(Stored data entries)

"""

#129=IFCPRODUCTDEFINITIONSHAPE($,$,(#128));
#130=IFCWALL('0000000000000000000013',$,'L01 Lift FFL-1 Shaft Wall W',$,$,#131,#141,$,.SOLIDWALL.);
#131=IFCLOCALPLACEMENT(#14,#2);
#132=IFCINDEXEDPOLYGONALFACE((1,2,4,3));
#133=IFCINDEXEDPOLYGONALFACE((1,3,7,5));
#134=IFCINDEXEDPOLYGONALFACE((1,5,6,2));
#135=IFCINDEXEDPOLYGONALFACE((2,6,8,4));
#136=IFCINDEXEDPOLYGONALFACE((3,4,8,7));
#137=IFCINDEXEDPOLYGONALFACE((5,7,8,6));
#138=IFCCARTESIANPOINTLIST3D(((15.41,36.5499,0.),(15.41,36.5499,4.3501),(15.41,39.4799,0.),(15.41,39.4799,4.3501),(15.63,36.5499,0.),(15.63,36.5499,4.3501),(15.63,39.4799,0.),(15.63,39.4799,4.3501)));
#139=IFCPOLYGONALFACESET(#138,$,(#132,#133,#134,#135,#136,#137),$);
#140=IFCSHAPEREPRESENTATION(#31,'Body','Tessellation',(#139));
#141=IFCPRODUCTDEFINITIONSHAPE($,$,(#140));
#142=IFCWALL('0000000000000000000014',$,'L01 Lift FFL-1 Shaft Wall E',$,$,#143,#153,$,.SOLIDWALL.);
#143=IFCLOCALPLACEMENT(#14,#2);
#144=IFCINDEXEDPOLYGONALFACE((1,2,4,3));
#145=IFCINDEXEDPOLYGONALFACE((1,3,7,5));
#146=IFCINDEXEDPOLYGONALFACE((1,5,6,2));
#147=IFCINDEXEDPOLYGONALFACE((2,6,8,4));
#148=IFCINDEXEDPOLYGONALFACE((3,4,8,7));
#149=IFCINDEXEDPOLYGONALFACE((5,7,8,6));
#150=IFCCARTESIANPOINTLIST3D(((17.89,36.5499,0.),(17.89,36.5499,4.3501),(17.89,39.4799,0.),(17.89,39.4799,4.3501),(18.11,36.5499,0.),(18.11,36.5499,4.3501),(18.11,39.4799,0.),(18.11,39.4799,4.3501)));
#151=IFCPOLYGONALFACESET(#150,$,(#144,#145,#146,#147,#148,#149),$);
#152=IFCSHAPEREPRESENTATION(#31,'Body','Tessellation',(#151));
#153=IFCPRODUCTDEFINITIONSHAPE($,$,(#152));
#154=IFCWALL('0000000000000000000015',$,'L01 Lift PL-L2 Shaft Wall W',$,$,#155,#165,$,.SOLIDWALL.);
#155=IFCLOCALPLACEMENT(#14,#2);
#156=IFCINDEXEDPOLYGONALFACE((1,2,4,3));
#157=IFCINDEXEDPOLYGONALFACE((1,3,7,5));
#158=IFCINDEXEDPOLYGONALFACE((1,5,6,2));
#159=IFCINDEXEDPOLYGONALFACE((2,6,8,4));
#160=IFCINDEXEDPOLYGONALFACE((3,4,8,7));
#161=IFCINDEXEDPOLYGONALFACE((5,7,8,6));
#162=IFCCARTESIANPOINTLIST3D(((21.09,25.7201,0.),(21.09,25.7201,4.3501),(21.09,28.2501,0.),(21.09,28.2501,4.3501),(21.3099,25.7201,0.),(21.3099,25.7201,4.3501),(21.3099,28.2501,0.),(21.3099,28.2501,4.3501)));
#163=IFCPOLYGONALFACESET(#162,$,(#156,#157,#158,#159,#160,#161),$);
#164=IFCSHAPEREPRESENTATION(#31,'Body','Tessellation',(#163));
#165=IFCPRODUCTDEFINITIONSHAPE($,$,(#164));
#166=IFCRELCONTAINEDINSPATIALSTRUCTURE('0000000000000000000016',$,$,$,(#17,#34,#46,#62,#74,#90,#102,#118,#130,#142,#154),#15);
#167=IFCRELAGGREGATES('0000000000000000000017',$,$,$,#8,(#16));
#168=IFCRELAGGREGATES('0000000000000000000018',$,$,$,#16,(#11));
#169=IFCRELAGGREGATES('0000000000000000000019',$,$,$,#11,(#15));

"""

Directions for this task: A complete answer gives every line of the data that includes "Lift".

Exercise result:
#130=IFCWALL('0000000000000000000013',$,'L01 Lift FFL-1 Shaft Wall W',$,$,#131,#141,$,.SOLIDWALL.);
#142=IFCWALL('0000000000000000000014',$,'L01 Lift FFL-1 Shaft Wall E',$,$,#143,#153,$,.SOLIDWALL.);
#154=IFCWALL('0000000000000000000015',$,'L01 Lift PL-L2 Shaft Wall W',$,$,#155,#165,$,.SOLIDWALL.);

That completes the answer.